(Stored items)
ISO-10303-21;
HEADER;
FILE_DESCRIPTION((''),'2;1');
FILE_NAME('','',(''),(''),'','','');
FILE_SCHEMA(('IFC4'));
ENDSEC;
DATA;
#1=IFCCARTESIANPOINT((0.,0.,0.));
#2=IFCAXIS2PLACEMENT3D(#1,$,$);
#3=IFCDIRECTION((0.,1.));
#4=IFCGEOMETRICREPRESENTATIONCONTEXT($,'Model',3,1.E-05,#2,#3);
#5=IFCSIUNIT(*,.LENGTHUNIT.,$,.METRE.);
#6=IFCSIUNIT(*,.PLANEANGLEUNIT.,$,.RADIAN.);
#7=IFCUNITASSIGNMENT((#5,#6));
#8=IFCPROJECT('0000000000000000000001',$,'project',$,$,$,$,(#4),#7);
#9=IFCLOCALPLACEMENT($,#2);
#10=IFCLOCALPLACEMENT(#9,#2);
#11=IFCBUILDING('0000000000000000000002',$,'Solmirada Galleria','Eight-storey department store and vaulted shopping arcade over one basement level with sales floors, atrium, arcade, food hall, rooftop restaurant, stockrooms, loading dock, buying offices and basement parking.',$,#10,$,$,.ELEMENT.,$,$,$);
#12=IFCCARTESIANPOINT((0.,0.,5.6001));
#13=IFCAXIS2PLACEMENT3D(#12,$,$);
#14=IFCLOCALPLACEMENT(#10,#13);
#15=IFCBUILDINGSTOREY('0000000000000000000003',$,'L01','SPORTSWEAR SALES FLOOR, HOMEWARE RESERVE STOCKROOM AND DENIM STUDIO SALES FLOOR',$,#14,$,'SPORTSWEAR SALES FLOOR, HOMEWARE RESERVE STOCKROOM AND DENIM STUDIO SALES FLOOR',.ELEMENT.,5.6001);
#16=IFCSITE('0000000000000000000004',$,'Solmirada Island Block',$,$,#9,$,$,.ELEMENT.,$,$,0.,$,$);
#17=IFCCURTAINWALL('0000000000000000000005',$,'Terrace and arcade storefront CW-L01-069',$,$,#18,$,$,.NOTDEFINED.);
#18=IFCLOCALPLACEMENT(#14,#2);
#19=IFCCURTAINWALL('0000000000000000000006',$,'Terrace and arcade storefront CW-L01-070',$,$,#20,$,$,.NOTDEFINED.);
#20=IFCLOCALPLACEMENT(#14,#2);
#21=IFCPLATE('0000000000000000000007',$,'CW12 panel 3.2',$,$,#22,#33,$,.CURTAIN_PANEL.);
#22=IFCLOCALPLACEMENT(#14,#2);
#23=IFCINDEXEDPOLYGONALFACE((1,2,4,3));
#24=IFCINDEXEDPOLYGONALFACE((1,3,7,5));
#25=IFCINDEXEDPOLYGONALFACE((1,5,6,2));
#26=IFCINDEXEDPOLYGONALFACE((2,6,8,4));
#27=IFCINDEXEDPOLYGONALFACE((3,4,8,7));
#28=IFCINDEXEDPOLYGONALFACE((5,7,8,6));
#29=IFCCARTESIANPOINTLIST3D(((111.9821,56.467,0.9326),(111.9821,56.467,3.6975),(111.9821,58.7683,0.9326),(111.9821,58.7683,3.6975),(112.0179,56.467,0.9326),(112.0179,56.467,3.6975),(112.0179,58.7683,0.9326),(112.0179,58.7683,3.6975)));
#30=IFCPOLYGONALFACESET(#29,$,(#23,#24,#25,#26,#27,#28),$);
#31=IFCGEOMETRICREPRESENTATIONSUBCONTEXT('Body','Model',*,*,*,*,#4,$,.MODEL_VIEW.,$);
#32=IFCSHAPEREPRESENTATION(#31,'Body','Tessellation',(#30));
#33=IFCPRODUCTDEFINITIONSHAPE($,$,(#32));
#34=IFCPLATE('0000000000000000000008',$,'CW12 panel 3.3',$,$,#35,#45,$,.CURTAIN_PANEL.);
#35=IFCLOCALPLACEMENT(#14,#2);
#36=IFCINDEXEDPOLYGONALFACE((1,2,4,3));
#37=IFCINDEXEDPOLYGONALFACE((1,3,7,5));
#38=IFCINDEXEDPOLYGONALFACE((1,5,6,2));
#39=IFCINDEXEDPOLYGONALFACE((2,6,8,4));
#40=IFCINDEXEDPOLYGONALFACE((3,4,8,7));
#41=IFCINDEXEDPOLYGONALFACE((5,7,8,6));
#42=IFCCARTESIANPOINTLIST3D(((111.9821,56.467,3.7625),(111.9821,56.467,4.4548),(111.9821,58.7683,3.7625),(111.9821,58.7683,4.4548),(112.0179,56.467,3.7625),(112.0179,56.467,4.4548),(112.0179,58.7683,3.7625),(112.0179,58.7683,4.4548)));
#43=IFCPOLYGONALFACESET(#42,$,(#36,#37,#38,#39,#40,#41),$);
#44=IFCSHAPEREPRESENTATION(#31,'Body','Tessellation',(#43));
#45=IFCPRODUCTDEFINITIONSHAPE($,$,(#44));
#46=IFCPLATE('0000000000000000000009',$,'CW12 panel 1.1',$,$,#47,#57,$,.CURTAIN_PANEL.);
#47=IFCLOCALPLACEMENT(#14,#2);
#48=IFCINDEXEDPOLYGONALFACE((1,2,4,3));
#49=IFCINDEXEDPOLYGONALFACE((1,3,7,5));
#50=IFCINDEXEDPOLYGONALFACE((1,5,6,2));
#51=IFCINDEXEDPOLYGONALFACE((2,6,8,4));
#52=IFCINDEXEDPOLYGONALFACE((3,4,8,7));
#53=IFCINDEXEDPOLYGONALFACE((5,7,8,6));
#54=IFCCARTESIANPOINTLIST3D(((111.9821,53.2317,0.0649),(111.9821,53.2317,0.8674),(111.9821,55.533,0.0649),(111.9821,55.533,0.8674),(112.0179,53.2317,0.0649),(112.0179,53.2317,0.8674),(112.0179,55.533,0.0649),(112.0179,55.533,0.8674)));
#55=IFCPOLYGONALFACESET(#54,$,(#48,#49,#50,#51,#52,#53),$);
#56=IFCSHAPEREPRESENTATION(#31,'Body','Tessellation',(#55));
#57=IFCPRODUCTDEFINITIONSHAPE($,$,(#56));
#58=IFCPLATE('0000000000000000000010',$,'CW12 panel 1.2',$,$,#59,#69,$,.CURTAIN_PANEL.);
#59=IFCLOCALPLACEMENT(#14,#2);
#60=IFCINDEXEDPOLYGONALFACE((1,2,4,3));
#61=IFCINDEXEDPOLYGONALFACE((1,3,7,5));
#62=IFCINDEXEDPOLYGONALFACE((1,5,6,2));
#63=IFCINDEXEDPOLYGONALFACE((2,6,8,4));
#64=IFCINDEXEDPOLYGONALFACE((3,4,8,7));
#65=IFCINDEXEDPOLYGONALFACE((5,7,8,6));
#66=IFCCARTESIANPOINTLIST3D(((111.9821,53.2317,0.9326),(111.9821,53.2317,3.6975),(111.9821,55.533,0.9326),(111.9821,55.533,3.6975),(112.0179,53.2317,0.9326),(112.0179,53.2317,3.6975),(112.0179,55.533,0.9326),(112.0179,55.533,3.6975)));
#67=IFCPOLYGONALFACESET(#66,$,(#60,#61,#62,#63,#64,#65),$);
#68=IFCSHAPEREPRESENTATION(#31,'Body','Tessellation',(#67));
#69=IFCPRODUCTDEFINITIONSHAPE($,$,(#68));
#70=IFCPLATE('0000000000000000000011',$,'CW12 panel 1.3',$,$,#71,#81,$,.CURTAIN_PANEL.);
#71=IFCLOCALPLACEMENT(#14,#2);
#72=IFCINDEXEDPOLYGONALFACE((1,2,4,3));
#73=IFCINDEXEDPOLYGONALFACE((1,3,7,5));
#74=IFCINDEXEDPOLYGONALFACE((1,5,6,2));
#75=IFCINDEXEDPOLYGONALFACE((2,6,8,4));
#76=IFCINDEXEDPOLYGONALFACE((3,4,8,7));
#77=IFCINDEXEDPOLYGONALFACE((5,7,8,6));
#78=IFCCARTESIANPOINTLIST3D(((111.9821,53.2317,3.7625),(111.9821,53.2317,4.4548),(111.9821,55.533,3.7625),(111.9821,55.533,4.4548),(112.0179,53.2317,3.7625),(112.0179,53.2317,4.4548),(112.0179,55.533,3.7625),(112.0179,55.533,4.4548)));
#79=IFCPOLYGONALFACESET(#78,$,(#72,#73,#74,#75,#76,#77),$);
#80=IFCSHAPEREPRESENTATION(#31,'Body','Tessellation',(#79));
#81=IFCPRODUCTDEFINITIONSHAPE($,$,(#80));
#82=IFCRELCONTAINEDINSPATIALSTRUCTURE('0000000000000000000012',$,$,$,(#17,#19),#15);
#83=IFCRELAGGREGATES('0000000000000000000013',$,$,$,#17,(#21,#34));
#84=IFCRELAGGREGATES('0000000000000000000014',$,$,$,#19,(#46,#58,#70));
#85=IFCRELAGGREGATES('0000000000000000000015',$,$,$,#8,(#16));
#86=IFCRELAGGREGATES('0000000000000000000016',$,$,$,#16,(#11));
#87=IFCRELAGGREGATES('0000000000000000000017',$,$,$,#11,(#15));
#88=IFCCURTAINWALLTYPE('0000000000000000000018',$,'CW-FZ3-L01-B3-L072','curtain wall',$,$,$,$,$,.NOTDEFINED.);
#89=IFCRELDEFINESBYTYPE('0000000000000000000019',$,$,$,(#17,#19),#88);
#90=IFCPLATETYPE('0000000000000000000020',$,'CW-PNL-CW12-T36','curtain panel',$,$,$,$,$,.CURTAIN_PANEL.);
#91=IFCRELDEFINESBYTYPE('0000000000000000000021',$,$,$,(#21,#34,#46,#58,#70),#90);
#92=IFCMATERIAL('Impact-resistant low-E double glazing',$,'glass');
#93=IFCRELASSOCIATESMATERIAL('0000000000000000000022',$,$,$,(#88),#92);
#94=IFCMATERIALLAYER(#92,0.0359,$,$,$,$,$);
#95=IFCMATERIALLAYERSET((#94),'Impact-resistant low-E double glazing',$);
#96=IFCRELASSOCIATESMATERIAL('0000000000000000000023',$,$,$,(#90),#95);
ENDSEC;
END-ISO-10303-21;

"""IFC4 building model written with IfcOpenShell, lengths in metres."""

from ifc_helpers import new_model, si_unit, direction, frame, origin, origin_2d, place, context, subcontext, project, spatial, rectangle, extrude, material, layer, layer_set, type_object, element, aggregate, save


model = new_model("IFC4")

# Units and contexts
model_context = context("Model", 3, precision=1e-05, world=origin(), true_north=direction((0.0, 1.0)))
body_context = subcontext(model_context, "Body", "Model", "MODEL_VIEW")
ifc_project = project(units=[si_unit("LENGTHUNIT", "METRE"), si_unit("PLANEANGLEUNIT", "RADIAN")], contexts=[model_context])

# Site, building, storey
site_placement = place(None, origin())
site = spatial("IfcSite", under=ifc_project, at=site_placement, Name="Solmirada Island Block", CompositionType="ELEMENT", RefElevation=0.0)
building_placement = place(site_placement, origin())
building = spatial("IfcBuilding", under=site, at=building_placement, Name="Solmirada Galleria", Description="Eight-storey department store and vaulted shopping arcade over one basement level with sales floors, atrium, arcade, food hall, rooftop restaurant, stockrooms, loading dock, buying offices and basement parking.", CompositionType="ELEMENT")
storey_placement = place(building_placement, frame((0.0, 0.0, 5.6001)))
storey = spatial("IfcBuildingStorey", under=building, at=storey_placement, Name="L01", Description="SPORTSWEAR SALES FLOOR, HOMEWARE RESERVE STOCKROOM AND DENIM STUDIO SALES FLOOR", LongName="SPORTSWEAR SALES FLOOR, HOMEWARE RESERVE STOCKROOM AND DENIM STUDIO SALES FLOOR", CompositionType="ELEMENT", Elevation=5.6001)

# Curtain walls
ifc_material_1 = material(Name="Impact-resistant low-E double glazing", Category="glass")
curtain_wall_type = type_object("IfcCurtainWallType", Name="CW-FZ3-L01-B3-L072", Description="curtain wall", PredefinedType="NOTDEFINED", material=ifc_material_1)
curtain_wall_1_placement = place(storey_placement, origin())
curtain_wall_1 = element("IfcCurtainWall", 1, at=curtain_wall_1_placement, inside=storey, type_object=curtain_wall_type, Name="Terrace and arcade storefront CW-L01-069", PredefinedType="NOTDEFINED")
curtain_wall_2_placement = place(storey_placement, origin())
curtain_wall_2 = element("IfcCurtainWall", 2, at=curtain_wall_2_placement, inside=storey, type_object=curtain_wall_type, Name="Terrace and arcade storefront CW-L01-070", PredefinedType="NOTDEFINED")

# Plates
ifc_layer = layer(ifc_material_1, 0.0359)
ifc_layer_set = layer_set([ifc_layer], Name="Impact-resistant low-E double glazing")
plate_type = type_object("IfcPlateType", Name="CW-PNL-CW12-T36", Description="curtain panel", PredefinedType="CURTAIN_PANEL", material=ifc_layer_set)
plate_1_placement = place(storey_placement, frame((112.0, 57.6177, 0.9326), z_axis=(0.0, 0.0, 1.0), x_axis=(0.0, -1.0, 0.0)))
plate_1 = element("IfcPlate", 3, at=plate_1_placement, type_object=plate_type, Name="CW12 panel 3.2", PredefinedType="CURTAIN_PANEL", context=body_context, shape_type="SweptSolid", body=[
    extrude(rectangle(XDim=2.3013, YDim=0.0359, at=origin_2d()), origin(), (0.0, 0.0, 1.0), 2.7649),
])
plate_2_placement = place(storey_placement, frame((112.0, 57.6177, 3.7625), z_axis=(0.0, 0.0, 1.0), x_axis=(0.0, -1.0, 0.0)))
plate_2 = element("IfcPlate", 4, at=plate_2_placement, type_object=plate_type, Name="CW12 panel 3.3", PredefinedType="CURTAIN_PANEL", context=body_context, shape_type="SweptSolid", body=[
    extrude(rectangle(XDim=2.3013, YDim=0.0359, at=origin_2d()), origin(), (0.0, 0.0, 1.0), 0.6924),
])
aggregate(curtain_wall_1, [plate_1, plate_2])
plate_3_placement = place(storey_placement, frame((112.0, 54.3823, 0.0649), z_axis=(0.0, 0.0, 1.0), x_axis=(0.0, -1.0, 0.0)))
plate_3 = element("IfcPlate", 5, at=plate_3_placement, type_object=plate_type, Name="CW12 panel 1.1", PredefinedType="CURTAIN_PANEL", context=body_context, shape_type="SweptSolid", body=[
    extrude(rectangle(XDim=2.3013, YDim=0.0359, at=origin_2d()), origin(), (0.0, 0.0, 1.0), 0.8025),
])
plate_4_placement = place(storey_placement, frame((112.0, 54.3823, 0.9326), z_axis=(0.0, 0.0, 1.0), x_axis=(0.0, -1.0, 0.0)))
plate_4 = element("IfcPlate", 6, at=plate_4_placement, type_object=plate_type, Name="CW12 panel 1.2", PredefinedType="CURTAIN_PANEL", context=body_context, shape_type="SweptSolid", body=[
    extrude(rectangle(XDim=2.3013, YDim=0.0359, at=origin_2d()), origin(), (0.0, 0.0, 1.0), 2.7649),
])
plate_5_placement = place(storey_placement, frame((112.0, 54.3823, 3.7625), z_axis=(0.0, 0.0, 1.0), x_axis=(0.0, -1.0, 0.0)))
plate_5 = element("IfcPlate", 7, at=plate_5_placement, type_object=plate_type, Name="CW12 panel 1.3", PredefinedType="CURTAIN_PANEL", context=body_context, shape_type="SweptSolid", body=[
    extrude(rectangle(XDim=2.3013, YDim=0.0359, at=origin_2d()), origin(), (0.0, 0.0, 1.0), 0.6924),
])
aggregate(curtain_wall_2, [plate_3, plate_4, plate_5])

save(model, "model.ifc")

---

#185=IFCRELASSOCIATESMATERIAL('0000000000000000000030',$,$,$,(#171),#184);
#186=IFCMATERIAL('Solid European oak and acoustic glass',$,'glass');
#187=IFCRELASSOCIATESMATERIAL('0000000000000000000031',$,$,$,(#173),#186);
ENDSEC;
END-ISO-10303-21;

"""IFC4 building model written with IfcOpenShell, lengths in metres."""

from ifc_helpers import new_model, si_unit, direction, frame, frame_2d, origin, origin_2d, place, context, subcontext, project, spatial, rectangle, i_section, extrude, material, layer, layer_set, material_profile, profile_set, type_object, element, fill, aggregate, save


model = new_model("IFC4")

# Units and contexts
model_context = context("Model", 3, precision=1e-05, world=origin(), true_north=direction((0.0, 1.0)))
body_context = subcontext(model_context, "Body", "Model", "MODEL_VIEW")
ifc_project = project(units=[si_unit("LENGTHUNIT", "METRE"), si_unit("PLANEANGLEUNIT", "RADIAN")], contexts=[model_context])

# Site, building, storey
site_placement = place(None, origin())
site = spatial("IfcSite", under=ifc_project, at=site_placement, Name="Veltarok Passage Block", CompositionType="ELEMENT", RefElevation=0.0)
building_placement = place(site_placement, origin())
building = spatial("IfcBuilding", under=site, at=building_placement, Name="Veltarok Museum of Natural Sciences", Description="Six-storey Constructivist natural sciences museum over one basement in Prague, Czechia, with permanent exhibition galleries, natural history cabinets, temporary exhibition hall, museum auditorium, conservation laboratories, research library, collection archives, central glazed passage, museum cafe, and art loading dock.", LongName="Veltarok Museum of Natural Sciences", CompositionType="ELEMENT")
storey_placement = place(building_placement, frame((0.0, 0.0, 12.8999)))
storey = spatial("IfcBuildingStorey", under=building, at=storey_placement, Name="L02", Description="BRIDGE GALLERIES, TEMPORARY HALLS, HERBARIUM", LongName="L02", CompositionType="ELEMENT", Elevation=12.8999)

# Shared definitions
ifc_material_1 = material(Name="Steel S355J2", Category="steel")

■ **WHAT THE EXERCISE ASKS**
Repeat the entries above verbatim, but only from the line that has "#5=IFCSIUNIT(*,.LENGTHUNIT.,$,.METRE.);" down to the line that has "arcade storefront CW-L01-070',$,$,#20,$,$,.NOTDEFINED.);", inclusive.

■ **FINISHED TASK**
#5=IFCSIUNIT(*,.LENGTHUNIT.,$,.METRE.);
#6=IFCSIUNIT(*,.PLANEANGLEUNIT.,$,.RADIAN.);
#7=IFCUNITASSIGNMENT((#5,#6));
#8=IFCPROJECT('0000000000000000000001',$,'project',$,$,$,$,(#4),#7);
#9=IFCLOCALPLACEMENT($,#2);
#10=IFCLOCALPLACEMENT(#9,#2);
#11=IFCBUILDING('0000000000000000000002',$,'Solmirada Galleria','Eight-storey department store and vaulted shopping arcade over one basement level with sales floors, atrium, arcade, food hall, rooftop restaurant, stockrooms, loading dock, buying offices and basement parking.',$,#10,$,$,.ELEMENT.,$,$,$);
#12=IFCCARTESIANPOINT((0.,0.,5.6001));
#13=IFCAXIS2PLACEMENT3D(#12,$,$);
#14=IFCLOCALPLACEMENT(#10,#13);
#15=IFCBUILDINGSTOREY('0000000000000000000003',$,'L01','SPORTSWEAR SALES FLOOR, HOMEWARE RESERVE STOCKROOM AND DENIM STUDIO SALES FLOOR',$,#14,$,'SPORTSWEAR SALES FLOOR, HOMEWARE RESERVE STOCKROOM AND DENIM STUDIO SALES FLOOR',.ELEMENT.,5.6001);
#16=IFCSITE('0000000000000000000004',$,'Solmirada Island Block',$,$,#9,$,$,.ELEMENT.,$,$,0.,$,$);
#17=IFCCURTAINWALL('0000000000000000000005',$,'Terrace and arcade storefront CW-L01-069',$,$,#18,$,$,.NOTDEFINED.);
#18=IFCLOCALPLACEMENT(#14,#2);
#19=IFCCURTAINWALL('0000000000000000000006',$,'Terrace and arcade storefront CW-L01-070',$,$,#20,$,$,.NOTDEFINED.);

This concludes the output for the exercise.